BEGIN Input data

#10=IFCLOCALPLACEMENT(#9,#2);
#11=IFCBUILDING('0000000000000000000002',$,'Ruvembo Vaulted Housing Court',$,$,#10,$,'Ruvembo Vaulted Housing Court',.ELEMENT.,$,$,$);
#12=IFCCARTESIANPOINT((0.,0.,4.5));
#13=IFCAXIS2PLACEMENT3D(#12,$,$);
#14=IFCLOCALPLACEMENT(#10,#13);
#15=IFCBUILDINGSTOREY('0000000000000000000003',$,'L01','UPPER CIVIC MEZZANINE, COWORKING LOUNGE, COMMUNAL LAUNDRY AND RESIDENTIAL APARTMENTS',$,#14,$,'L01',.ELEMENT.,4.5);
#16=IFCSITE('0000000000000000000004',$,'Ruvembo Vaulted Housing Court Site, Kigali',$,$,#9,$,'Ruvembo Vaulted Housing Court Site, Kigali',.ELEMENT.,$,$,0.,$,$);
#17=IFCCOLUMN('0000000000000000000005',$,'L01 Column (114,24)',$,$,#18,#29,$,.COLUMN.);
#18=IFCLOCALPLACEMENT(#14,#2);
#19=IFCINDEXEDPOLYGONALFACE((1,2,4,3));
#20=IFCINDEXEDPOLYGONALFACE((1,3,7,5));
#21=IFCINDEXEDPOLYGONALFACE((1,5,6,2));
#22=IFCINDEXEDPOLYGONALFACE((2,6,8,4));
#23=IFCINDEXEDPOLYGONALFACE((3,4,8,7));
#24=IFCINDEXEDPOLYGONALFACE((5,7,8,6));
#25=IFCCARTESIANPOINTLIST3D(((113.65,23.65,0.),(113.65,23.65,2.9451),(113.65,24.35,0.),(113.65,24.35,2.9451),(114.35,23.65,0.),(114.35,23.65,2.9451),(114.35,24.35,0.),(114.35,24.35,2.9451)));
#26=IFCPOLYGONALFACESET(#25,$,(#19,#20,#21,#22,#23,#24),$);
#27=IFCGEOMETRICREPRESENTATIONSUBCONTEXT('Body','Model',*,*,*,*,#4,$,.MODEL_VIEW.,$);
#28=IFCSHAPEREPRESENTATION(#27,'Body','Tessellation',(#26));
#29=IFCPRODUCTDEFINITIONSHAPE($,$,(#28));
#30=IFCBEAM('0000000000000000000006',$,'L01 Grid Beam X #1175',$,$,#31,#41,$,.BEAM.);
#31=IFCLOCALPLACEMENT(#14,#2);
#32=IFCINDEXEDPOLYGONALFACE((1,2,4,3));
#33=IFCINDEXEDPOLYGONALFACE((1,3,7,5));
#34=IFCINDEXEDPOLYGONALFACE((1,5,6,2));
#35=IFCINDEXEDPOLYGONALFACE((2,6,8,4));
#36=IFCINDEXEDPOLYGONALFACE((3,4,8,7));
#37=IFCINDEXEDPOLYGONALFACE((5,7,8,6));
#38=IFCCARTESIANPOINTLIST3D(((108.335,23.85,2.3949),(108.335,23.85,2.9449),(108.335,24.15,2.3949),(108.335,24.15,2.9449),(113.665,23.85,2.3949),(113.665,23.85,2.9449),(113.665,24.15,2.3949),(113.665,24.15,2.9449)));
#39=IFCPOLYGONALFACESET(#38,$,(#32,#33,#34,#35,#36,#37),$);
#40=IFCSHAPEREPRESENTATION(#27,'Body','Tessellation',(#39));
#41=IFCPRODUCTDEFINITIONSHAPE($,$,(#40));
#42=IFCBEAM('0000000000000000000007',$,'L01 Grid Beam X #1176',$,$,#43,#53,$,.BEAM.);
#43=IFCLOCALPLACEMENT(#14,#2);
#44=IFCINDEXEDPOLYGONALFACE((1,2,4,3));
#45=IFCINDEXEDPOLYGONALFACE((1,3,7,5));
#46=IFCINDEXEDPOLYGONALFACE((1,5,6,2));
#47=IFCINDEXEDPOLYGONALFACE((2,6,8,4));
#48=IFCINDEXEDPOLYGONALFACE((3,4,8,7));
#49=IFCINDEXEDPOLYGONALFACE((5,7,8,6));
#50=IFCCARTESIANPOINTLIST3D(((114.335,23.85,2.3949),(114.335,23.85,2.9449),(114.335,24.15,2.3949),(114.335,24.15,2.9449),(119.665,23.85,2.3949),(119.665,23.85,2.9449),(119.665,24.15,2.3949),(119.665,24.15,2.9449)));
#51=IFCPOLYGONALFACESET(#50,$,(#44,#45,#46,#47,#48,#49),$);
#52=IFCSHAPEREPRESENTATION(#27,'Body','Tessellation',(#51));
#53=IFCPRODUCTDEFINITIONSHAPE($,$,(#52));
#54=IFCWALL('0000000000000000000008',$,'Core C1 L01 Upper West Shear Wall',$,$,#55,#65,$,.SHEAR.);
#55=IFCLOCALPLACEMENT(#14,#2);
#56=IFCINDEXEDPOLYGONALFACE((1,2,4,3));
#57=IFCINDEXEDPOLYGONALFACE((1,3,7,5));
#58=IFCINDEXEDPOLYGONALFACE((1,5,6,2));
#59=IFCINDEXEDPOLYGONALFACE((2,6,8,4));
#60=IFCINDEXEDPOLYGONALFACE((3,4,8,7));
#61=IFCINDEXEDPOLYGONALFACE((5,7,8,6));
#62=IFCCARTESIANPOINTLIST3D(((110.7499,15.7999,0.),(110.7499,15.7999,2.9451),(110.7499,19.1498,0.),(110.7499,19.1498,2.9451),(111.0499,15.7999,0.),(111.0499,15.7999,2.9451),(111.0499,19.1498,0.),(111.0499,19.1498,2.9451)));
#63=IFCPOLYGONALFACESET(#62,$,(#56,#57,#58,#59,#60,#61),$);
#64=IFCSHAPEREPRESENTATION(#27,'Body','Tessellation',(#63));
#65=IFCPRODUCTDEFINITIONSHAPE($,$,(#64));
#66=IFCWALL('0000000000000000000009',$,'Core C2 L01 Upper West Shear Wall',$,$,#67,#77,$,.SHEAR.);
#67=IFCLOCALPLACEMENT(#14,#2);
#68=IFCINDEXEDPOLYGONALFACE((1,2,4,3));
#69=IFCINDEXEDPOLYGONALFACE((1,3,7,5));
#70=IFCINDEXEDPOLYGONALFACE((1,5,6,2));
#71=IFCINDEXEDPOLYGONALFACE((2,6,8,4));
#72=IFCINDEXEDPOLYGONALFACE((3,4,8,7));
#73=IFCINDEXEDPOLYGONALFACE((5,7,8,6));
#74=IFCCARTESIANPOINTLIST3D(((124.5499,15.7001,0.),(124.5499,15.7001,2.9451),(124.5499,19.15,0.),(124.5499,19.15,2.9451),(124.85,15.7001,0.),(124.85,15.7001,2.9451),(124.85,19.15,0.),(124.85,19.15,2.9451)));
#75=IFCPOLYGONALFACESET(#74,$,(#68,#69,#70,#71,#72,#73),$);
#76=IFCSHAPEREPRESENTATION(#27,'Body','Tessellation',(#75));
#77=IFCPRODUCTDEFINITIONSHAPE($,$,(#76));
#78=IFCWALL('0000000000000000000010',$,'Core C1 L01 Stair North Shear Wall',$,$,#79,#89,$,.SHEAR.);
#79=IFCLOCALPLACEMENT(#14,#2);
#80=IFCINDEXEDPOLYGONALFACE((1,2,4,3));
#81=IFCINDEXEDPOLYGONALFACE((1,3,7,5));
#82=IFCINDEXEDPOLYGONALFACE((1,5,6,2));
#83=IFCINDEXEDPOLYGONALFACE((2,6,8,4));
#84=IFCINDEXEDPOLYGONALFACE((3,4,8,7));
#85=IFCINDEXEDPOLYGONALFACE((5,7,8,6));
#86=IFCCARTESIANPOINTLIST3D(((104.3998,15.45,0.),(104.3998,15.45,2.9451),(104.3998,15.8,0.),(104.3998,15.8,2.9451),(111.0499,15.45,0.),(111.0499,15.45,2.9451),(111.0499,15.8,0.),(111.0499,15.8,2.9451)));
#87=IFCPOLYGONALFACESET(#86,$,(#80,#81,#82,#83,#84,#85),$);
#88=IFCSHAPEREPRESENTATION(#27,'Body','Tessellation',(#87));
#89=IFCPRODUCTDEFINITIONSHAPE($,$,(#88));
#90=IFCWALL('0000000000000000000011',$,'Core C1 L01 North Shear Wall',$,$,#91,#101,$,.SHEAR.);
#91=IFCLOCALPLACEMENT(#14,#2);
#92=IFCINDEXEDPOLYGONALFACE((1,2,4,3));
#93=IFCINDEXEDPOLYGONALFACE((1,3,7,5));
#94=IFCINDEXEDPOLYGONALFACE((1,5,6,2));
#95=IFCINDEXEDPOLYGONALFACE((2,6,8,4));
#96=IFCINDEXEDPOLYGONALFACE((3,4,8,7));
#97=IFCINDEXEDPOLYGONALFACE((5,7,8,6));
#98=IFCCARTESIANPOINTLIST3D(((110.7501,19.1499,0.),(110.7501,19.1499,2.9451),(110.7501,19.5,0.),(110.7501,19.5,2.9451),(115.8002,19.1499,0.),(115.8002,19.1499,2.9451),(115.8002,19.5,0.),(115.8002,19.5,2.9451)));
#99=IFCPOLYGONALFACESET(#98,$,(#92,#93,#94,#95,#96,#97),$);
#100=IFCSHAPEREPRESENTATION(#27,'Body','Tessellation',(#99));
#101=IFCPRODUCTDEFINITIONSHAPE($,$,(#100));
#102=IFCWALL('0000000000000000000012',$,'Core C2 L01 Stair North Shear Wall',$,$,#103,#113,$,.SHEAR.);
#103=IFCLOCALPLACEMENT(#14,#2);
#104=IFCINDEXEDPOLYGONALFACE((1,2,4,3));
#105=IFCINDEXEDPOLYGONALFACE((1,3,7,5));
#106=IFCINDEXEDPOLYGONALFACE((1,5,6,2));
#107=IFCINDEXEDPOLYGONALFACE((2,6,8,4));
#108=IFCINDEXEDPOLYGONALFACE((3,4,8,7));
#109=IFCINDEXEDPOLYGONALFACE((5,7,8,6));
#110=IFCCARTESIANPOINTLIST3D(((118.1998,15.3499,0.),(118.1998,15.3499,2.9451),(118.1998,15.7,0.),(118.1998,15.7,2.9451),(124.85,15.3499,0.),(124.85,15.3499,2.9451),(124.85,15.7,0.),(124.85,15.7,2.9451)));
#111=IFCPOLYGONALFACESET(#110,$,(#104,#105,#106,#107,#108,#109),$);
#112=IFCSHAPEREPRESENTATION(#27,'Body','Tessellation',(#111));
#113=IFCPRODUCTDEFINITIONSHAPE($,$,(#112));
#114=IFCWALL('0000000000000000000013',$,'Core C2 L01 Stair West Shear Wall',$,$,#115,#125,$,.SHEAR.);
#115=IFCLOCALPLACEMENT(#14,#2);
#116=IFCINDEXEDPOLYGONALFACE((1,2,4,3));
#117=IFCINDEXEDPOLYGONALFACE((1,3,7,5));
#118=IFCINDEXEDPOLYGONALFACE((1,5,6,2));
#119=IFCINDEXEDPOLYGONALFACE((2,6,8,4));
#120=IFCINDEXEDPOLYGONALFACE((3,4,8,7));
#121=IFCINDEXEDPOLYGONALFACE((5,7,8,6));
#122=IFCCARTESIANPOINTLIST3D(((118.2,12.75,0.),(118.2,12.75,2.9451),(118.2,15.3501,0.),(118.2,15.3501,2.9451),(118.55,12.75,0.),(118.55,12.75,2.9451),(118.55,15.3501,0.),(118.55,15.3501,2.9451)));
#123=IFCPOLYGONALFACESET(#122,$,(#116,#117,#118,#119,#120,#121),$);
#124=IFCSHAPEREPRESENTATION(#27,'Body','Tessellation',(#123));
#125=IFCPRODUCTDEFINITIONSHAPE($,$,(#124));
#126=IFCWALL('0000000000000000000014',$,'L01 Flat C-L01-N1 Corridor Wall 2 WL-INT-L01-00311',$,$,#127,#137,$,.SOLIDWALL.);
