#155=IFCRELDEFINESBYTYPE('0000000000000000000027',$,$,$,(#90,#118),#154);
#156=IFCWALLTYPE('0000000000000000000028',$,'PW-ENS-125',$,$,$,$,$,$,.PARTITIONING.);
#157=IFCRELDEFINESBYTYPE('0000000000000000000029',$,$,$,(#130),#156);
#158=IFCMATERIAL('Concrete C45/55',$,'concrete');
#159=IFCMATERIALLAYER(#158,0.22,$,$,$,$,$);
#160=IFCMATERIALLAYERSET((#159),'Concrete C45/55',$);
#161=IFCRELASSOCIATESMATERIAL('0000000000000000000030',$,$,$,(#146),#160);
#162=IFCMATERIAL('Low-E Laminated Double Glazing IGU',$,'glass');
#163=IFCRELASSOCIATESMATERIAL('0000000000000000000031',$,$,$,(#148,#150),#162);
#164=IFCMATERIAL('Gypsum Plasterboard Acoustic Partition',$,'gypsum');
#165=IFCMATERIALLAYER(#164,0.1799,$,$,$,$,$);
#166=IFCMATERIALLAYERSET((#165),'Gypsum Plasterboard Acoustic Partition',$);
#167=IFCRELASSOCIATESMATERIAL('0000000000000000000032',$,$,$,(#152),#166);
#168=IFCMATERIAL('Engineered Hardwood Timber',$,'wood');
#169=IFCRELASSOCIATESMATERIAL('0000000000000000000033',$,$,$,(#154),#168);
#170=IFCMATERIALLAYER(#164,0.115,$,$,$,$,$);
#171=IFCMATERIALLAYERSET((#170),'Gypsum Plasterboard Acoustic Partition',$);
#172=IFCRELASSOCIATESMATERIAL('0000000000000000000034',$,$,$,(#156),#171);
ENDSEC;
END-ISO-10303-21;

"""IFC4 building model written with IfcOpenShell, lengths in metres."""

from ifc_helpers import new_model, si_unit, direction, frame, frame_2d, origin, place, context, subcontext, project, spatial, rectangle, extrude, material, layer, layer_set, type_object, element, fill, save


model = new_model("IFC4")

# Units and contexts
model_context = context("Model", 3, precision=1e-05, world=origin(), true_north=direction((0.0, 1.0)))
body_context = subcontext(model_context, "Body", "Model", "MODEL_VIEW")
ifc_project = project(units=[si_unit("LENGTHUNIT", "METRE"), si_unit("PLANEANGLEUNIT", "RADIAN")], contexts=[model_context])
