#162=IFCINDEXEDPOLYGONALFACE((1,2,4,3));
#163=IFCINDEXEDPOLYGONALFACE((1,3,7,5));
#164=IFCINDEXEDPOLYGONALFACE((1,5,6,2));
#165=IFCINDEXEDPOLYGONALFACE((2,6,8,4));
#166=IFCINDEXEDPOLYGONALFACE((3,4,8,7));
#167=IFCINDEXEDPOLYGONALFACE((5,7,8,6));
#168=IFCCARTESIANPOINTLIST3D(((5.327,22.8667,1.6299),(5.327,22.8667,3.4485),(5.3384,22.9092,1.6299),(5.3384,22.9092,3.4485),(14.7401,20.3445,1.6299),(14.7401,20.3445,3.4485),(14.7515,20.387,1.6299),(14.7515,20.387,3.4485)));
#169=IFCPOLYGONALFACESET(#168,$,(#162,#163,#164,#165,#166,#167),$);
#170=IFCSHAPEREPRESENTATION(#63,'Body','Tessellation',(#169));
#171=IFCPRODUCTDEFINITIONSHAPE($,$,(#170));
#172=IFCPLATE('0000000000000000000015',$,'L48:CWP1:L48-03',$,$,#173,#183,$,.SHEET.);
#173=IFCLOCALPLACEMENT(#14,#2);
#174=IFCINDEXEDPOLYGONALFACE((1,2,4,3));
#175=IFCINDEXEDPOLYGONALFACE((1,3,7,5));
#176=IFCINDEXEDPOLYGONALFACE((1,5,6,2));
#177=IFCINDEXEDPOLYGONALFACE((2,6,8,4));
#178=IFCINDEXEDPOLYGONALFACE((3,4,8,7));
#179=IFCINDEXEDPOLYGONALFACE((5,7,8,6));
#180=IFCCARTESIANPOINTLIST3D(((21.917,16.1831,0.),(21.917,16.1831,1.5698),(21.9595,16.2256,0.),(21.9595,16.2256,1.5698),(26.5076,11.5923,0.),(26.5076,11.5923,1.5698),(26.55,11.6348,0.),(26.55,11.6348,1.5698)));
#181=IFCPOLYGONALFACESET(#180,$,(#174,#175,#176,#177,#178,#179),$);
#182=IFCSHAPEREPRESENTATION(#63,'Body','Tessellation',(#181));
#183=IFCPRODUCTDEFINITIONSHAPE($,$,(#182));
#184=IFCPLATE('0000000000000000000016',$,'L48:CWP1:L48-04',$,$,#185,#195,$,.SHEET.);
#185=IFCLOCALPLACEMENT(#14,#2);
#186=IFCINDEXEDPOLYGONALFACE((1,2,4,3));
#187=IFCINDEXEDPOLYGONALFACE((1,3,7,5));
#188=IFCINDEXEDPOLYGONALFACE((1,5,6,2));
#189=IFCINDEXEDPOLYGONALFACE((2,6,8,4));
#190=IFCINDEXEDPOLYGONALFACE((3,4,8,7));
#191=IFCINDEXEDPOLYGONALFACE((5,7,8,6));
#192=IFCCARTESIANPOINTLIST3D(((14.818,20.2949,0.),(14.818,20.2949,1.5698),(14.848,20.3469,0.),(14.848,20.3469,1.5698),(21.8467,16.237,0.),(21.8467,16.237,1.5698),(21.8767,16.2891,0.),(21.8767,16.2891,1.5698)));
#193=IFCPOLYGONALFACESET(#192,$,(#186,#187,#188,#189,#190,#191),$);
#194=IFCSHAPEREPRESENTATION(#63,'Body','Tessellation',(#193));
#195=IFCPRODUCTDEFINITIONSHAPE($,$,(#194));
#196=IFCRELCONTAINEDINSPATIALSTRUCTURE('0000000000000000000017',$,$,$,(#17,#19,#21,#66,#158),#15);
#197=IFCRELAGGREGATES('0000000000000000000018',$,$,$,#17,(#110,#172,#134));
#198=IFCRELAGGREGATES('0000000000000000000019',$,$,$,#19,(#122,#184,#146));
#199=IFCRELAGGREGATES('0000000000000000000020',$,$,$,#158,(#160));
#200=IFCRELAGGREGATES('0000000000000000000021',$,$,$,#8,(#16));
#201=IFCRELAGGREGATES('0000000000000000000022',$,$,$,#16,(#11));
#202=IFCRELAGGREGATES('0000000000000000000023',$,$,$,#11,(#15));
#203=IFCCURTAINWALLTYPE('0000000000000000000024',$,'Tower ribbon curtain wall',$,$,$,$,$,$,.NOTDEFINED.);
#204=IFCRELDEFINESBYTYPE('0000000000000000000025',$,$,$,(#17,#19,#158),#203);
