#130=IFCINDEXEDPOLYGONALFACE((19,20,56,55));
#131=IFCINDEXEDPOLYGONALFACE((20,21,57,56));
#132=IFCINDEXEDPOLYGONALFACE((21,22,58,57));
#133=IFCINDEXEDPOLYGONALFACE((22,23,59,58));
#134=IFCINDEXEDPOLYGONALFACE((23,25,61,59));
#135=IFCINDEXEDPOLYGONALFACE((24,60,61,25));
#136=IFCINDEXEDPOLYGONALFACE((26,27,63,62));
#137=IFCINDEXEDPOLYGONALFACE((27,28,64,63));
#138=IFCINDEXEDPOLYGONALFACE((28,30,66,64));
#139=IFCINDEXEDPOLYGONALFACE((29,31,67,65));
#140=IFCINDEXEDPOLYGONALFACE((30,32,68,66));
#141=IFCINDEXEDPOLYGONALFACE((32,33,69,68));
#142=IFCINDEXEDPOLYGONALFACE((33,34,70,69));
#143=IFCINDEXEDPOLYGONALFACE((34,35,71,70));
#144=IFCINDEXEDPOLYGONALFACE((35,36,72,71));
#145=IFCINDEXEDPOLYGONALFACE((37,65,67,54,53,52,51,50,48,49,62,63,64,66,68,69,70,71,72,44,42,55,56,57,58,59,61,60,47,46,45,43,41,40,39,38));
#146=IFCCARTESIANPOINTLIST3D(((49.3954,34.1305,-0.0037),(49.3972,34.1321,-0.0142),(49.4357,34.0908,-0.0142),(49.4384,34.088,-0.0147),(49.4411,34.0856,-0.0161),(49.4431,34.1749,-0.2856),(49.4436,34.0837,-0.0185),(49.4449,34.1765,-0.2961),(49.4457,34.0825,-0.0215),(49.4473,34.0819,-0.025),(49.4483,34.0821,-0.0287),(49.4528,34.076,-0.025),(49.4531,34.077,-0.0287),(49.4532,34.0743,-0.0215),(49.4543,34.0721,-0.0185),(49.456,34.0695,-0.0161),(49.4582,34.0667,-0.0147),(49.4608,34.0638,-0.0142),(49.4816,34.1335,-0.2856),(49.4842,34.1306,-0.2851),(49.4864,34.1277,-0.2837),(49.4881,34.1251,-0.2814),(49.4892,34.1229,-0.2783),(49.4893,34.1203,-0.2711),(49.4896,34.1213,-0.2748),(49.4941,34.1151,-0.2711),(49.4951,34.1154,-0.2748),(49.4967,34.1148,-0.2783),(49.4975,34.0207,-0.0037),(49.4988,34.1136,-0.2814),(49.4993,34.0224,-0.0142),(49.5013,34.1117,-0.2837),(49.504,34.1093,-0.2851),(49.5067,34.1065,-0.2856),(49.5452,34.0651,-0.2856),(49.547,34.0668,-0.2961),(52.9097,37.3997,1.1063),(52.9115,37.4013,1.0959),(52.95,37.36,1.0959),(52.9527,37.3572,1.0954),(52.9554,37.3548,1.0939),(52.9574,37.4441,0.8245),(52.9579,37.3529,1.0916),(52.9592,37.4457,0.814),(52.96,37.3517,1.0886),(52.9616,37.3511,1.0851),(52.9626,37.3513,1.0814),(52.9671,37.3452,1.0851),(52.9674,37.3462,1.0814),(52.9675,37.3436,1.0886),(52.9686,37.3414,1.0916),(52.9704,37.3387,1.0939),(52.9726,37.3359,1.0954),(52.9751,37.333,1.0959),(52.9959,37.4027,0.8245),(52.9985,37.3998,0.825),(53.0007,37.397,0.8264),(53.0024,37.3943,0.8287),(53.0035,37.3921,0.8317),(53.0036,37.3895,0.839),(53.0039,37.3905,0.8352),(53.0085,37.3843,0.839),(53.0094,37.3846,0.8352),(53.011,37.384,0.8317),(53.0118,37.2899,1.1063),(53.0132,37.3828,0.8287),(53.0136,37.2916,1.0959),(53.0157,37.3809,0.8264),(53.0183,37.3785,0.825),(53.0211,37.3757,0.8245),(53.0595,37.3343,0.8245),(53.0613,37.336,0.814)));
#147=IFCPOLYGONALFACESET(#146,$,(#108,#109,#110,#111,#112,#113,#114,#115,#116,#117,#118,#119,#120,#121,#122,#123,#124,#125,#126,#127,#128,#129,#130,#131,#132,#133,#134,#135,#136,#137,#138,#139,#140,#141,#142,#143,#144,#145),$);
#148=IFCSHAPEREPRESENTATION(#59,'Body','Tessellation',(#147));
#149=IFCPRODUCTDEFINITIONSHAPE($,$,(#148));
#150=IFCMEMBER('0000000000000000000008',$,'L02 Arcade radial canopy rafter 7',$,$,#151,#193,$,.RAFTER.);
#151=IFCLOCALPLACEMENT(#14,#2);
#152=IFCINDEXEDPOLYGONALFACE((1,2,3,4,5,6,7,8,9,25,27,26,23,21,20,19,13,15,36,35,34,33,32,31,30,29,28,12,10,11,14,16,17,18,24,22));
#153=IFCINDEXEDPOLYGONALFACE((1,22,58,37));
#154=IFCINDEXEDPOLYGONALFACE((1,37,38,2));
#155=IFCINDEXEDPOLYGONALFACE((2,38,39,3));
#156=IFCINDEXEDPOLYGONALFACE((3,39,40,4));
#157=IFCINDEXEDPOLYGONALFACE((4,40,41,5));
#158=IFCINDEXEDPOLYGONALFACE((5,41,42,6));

END Input data

**What to produce**
Take from the material every line that holds "Beam".

**Your solution**
#30=IFCBEAM('0000000000000000000006',$,'L01 Grid Beam X #1175',$,$,#31,#41,$,.BEAM.);
#42=IFCBEAM('0000000000000000000007',$,'L01 Grid Beam X #1176',$,$,#43,#53,$,.BEAM.);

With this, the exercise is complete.